### Task to complete
Every line from the first in the listing below to the line containing "#152=IFCPRODUCTDEFINITIONSHAPE($,$,(#151));" is to be repeated exactly, and no line past it.

### Source information
------------
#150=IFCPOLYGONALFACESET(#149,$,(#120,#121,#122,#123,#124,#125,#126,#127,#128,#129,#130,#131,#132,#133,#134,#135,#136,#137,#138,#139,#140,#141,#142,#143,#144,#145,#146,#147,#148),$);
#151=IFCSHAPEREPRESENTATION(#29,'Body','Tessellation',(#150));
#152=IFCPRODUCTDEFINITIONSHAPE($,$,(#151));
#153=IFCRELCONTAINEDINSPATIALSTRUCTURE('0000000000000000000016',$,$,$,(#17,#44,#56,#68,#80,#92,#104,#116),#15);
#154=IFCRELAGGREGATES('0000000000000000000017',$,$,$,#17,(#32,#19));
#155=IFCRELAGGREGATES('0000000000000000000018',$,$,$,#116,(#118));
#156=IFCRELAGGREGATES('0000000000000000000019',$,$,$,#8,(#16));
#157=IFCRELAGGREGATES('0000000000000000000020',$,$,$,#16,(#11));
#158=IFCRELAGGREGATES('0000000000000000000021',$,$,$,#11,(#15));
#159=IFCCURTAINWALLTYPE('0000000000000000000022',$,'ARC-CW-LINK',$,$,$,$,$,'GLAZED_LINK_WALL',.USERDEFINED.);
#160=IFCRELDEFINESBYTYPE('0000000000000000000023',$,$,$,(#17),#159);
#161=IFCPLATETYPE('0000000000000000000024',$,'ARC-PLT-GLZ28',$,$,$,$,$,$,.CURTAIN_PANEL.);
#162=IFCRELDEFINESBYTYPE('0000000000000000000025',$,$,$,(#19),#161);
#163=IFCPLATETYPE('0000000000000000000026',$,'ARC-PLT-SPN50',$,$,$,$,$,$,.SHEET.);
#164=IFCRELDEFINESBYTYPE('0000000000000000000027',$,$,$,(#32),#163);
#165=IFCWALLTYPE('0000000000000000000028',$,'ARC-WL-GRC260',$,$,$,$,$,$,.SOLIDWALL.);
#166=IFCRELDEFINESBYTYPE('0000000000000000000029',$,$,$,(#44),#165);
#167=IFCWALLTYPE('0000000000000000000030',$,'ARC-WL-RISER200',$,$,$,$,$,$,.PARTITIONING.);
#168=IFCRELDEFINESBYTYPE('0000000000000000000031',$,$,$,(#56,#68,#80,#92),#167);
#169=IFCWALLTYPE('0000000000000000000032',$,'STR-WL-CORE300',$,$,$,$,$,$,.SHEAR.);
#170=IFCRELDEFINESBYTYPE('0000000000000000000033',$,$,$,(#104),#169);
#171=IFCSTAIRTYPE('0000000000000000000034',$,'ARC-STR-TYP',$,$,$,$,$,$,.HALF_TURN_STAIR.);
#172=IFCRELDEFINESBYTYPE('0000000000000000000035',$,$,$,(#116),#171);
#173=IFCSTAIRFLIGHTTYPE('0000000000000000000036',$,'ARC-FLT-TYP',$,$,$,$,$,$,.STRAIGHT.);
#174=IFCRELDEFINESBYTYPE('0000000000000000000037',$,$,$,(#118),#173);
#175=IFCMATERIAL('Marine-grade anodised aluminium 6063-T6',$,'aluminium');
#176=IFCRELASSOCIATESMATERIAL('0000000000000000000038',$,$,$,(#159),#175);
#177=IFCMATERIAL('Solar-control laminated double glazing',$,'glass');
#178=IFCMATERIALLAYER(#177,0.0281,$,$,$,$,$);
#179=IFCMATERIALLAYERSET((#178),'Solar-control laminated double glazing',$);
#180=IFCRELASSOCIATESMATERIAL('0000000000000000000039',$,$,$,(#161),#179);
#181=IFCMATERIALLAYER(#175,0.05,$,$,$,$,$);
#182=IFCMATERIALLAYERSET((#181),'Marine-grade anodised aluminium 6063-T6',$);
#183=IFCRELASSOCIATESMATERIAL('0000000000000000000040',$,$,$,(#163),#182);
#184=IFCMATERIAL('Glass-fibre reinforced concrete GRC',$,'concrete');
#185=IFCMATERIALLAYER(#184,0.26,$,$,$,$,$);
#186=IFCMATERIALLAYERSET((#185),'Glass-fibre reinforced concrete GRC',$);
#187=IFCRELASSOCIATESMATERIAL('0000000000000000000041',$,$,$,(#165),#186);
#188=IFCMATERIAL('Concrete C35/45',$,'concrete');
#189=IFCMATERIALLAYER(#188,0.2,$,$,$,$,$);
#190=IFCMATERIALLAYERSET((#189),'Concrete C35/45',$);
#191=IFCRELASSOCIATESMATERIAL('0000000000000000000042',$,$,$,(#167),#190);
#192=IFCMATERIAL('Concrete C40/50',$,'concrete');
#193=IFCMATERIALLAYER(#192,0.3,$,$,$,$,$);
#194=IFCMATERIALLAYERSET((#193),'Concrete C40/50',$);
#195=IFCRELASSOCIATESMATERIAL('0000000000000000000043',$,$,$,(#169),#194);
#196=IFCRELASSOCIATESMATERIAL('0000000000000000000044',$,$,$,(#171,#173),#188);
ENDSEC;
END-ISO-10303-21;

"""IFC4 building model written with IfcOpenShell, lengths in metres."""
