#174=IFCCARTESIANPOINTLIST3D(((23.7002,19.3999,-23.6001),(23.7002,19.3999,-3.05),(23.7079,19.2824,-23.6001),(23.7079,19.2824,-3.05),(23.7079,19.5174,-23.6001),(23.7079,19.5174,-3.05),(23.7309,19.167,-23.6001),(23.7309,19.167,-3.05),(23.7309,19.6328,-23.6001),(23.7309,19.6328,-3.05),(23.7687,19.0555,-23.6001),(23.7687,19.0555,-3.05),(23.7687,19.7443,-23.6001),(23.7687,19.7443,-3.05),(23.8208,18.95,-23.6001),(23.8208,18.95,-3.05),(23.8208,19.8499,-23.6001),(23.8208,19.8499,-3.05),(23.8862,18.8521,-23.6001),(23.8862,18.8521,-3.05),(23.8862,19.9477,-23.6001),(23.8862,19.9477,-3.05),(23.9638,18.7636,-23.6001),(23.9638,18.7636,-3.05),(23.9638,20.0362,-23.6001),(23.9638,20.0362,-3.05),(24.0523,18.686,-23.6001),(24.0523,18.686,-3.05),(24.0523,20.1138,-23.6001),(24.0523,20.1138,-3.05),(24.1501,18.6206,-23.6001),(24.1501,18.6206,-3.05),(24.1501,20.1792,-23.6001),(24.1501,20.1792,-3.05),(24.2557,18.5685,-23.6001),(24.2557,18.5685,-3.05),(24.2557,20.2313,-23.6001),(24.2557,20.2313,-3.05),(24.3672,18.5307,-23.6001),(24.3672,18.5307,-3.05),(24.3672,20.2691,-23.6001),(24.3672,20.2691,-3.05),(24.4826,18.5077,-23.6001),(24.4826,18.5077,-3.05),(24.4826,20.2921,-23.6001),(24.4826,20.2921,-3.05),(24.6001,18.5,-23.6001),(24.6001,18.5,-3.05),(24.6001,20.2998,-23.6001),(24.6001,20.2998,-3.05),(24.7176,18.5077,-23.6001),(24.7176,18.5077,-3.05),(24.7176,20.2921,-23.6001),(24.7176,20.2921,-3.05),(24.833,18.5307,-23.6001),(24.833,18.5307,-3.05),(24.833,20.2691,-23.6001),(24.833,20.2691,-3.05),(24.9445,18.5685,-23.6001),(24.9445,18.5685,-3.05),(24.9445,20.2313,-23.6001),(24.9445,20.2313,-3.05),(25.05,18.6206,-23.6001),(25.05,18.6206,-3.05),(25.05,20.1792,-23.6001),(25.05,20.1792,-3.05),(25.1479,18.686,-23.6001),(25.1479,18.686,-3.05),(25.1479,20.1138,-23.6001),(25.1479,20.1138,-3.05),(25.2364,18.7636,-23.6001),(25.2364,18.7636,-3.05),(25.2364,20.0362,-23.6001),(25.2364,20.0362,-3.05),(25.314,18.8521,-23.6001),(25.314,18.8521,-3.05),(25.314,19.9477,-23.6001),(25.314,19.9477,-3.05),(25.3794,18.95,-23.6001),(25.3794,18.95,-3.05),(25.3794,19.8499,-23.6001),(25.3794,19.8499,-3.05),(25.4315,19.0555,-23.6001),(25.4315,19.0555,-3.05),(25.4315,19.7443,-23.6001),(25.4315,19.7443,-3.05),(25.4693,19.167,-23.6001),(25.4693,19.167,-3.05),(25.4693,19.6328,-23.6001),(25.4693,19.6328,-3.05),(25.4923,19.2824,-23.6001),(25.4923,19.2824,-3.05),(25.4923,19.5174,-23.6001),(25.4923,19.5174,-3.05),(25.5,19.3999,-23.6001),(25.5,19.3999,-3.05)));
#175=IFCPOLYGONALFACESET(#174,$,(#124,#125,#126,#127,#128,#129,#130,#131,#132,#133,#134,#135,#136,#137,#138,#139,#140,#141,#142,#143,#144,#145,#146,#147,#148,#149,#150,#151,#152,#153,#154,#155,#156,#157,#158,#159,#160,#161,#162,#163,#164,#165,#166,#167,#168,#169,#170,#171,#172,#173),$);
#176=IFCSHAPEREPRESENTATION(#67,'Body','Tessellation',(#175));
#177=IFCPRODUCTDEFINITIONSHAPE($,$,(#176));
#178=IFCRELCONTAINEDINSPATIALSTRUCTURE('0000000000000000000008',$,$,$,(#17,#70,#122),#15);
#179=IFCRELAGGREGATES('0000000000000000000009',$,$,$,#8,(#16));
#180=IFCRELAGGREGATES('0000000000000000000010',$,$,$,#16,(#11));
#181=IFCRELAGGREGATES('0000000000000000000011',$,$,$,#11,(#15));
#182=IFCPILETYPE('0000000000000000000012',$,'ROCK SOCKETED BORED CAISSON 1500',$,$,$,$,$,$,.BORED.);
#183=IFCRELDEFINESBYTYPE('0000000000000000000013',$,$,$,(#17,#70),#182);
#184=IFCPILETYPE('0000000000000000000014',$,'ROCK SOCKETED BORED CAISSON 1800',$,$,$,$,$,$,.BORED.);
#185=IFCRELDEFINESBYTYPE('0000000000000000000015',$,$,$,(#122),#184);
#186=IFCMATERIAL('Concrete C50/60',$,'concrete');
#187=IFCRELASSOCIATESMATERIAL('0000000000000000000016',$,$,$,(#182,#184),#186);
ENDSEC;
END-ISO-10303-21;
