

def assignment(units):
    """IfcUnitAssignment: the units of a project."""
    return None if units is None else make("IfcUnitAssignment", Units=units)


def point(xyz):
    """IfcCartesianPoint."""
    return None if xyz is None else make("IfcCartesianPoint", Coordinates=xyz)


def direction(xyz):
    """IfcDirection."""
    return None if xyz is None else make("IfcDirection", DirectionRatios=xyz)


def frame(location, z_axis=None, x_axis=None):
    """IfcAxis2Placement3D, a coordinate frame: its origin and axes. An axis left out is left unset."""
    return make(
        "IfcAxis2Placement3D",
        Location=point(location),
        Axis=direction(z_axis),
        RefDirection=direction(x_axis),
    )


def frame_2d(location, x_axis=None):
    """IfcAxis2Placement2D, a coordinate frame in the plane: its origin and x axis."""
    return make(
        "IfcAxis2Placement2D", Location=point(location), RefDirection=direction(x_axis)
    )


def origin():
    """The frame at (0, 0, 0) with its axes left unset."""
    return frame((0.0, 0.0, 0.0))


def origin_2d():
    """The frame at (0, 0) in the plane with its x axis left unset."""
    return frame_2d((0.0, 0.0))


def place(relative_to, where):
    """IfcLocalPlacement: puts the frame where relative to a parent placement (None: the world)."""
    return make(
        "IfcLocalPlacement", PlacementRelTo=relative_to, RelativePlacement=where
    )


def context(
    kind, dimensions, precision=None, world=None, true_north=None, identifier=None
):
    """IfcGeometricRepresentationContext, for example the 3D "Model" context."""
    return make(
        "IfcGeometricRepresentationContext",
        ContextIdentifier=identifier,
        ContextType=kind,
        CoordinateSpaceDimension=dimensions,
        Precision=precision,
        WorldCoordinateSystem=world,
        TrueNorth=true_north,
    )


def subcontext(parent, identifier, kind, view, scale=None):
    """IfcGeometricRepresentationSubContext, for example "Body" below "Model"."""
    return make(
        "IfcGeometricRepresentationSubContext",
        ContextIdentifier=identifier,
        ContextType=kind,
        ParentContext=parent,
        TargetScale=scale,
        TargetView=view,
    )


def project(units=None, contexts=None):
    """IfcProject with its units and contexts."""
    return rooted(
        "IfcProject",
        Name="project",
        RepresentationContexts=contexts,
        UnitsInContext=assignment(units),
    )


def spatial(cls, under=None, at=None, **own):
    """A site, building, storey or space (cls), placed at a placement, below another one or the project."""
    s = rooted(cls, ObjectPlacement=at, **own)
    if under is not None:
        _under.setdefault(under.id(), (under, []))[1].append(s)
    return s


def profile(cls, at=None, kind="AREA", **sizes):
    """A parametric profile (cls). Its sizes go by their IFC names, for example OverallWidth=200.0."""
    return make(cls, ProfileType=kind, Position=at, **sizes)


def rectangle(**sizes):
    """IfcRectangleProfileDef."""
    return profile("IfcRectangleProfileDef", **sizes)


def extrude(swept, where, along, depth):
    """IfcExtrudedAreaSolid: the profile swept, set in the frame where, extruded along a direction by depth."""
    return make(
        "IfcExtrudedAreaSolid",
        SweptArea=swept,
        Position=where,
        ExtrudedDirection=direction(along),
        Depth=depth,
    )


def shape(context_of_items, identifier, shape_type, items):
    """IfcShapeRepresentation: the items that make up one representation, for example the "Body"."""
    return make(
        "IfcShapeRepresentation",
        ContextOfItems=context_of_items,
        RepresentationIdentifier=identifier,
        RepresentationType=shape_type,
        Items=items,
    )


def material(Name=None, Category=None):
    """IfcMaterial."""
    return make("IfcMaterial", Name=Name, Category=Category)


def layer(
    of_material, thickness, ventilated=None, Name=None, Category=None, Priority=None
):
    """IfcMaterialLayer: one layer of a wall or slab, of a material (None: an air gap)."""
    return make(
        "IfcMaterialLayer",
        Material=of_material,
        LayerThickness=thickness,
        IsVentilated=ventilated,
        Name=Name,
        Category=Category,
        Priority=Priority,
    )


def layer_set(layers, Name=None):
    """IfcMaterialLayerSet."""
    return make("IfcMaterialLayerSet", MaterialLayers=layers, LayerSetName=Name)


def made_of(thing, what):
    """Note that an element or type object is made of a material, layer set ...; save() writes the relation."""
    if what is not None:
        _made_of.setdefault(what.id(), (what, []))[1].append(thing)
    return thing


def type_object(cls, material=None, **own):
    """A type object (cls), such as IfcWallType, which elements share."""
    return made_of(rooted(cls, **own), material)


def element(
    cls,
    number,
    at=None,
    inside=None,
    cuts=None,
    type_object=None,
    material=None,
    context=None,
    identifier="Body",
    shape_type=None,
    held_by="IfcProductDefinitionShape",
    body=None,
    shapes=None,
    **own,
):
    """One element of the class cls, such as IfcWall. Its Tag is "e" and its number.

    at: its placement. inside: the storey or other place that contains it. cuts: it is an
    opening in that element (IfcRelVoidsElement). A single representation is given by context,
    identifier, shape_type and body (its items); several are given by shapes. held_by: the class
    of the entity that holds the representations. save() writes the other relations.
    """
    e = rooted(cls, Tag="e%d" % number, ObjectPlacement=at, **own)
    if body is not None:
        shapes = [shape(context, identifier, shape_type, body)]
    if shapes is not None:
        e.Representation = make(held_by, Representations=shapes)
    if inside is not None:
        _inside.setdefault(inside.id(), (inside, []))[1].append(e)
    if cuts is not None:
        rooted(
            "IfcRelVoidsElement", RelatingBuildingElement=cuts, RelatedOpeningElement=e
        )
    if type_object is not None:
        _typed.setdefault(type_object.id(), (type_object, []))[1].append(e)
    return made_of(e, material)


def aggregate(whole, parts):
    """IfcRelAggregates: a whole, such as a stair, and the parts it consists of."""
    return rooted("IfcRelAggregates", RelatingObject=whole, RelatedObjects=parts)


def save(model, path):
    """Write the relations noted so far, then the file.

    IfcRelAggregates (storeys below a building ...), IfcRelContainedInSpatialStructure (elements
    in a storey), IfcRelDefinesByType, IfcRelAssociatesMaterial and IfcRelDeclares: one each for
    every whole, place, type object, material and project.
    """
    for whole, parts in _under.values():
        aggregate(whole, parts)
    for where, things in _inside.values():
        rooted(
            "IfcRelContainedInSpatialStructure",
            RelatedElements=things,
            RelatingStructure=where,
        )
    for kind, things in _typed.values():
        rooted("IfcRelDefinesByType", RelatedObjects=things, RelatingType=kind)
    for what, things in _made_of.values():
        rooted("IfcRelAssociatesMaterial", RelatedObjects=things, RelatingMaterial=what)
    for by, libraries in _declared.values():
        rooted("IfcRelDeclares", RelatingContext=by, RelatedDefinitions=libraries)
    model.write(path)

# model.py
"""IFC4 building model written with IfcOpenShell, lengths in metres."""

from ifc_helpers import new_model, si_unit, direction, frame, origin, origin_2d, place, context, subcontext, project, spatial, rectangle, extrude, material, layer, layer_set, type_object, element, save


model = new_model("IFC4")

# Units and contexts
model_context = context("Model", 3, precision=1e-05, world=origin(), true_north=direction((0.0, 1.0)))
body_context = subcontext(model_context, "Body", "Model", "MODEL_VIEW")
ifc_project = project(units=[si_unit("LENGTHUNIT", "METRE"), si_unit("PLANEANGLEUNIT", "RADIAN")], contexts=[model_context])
------------
### Written response
#150=IFCPOLYGONALFACESET(#149,$,(#120,#121,#122,#123,#124,#125,#126,#127,#128,#129,#130,#131,#132,#133,#134,#135,#136,#137,#138,#139,#140,#141,#142,#143,#144,#145,#146,#147,#148),$);
#151=IFCSHAPEREPRESENTATION(#29,'Body','Tessellation',(#150));
#152=IFCPRODUCTDEFINITIONSHAPE($,$,(#151));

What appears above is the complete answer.